§ **Saved entries**:
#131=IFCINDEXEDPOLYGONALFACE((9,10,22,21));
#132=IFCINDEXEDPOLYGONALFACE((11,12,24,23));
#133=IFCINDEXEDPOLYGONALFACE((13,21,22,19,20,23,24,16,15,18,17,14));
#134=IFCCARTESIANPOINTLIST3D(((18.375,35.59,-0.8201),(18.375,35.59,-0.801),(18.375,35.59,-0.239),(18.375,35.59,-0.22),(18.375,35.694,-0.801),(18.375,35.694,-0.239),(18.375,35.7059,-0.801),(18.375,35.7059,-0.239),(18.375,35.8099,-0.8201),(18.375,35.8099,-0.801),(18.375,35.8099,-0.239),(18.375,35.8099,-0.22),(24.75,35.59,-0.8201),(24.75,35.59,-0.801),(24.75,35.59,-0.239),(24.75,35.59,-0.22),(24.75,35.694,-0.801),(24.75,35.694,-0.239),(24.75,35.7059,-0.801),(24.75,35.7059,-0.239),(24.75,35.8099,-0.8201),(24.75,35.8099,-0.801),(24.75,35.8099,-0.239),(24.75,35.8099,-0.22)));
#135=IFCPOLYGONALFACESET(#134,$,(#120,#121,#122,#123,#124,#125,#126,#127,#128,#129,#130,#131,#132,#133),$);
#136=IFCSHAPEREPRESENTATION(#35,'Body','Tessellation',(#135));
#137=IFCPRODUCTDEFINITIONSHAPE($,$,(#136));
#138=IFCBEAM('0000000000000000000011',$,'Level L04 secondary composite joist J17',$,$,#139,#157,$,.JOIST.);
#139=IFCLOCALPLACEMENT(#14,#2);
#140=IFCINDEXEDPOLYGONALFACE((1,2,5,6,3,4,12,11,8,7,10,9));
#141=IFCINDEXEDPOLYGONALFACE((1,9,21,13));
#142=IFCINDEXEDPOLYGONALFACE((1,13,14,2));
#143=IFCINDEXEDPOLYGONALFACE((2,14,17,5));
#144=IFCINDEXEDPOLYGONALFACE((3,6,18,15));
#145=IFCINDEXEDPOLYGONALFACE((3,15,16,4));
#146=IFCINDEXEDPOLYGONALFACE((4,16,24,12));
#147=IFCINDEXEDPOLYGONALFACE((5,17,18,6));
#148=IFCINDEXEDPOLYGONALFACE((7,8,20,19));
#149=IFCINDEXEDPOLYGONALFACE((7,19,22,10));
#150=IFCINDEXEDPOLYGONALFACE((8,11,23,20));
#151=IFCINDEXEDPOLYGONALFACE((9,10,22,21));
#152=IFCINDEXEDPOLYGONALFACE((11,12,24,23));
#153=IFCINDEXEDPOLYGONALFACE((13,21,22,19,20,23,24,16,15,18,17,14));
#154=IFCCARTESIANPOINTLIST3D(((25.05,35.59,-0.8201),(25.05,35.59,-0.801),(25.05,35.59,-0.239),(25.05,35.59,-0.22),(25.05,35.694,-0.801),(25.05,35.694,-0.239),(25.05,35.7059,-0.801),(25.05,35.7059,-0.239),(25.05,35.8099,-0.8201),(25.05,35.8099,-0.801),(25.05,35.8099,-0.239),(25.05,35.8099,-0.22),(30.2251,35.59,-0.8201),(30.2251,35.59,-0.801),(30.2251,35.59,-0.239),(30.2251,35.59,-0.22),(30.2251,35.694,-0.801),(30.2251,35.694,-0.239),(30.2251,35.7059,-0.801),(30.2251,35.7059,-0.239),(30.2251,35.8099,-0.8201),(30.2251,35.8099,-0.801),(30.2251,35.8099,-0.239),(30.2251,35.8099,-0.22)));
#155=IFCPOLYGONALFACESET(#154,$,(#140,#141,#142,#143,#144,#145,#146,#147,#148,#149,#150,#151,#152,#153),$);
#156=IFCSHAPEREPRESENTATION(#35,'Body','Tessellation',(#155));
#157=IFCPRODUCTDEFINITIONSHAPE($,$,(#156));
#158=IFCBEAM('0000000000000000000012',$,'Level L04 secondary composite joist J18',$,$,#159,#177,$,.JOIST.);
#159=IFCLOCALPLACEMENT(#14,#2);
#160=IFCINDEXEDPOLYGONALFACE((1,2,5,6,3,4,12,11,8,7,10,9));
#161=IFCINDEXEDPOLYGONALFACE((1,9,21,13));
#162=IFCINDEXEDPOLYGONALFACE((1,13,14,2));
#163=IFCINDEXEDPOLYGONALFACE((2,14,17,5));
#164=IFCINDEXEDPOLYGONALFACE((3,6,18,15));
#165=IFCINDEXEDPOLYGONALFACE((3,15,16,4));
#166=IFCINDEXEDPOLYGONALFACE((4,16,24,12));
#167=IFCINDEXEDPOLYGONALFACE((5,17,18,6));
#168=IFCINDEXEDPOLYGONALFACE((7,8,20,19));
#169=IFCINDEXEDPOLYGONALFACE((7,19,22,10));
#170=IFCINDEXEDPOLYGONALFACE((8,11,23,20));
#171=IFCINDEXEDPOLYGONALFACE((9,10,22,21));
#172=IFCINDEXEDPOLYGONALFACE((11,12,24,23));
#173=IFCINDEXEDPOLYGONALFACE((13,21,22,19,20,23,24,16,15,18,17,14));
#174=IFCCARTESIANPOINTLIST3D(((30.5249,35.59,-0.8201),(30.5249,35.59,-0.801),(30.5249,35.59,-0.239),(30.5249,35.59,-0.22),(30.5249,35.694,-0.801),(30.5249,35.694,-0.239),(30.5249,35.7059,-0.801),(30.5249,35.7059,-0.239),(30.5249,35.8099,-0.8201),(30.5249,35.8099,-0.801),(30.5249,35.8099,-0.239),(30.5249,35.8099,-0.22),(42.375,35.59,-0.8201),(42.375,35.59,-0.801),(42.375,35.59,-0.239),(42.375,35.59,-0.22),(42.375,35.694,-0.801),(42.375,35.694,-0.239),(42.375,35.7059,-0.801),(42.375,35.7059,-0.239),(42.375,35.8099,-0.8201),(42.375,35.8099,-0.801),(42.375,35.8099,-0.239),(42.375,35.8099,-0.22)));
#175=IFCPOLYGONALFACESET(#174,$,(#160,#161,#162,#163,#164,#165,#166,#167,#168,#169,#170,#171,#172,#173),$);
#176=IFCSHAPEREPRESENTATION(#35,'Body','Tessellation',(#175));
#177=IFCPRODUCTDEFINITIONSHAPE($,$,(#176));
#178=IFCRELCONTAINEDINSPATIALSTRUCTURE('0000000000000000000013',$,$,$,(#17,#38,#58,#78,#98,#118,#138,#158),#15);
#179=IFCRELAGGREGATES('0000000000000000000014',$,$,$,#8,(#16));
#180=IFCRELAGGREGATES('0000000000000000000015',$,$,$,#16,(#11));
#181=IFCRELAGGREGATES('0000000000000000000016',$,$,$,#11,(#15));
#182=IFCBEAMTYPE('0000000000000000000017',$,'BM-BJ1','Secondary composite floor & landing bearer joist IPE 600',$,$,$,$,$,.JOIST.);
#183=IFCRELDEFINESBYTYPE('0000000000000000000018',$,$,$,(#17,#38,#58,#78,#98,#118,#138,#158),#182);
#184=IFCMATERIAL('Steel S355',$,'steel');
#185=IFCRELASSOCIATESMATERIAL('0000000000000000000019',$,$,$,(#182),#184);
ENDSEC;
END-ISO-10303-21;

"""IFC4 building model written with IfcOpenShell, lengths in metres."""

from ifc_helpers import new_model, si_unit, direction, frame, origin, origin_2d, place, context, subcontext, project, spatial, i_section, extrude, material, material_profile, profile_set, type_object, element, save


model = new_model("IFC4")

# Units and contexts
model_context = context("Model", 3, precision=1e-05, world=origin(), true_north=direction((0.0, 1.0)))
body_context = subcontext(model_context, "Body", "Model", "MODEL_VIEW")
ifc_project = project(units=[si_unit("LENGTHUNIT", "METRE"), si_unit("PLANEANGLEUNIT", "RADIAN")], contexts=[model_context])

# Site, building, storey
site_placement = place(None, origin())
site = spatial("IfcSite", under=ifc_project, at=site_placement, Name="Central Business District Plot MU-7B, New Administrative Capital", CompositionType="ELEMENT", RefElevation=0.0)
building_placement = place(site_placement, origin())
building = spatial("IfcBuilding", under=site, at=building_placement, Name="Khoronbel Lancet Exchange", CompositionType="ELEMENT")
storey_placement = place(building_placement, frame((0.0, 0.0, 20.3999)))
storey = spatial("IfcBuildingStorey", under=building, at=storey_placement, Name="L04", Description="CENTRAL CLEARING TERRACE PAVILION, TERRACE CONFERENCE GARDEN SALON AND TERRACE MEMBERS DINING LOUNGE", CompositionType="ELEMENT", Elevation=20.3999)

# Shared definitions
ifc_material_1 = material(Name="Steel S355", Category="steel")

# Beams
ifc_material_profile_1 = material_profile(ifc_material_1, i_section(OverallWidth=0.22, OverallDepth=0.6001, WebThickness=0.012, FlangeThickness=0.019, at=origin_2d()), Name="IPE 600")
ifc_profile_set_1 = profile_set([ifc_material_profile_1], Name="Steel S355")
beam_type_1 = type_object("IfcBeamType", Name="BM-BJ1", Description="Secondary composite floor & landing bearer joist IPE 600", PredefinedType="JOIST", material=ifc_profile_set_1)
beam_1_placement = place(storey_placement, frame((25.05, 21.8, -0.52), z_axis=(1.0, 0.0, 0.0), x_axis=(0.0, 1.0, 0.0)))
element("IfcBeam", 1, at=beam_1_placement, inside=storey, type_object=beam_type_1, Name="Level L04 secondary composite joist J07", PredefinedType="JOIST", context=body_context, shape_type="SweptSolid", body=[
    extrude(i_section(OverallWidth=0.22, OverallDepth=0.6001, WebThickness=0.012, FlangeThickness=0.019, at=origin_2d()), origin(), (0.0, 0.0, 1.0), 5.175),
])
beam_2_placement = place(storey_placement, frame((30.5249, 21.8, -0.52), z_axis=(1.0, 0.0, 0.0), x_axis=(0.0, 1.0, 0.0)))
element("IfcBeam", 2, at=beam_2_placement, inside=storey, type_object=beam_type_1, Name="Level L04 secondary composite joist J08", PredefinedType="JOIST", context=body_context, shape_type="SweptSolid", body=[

§ **Exercise description**: Starting with the line above that holds "#137=IFCPRODUCTDEFINITIONSHAPE($,$,(#136));" and stopping with the line that holds "#146=IFCINDEXEDPOLYGONALFACE((4,16,24,12));", reproduce each line exactly, omitting all other lines.

§ **Answer for the task**:
#137=IFCPRODUCTDEFINITIONSHAPE($,$,(#136));
#138=IFCBEAM('0000000000000000000011',$,'Level L04 secondary composite joist J17',$,$,#139,#157,$,.JOIST.);
#139=IFCLOCALPLACEMENT(#14,#2);
#140=IFCINDEXEDPOLYGONALFACE((1,2,5,6,3,4,12,11,8,7,10,9));
#141=IFCINDEXEDPOLYGONALFACE((1,9,21,13));
#142=IFCINDEXEDPOLYGONALFACE((1,13,14,2));
#143=IFCINDEXEDPOLYGONALFACE((2,14,17,5));
#144=IFCINDEXEDPOLYGONALFACE((3,6,18,15));
#145=IFCINDEXEDPOLYGONALFACE((3,15,16,4));
#146=IFCINDEXEDPOLYGONALFACE((4,16,24,12));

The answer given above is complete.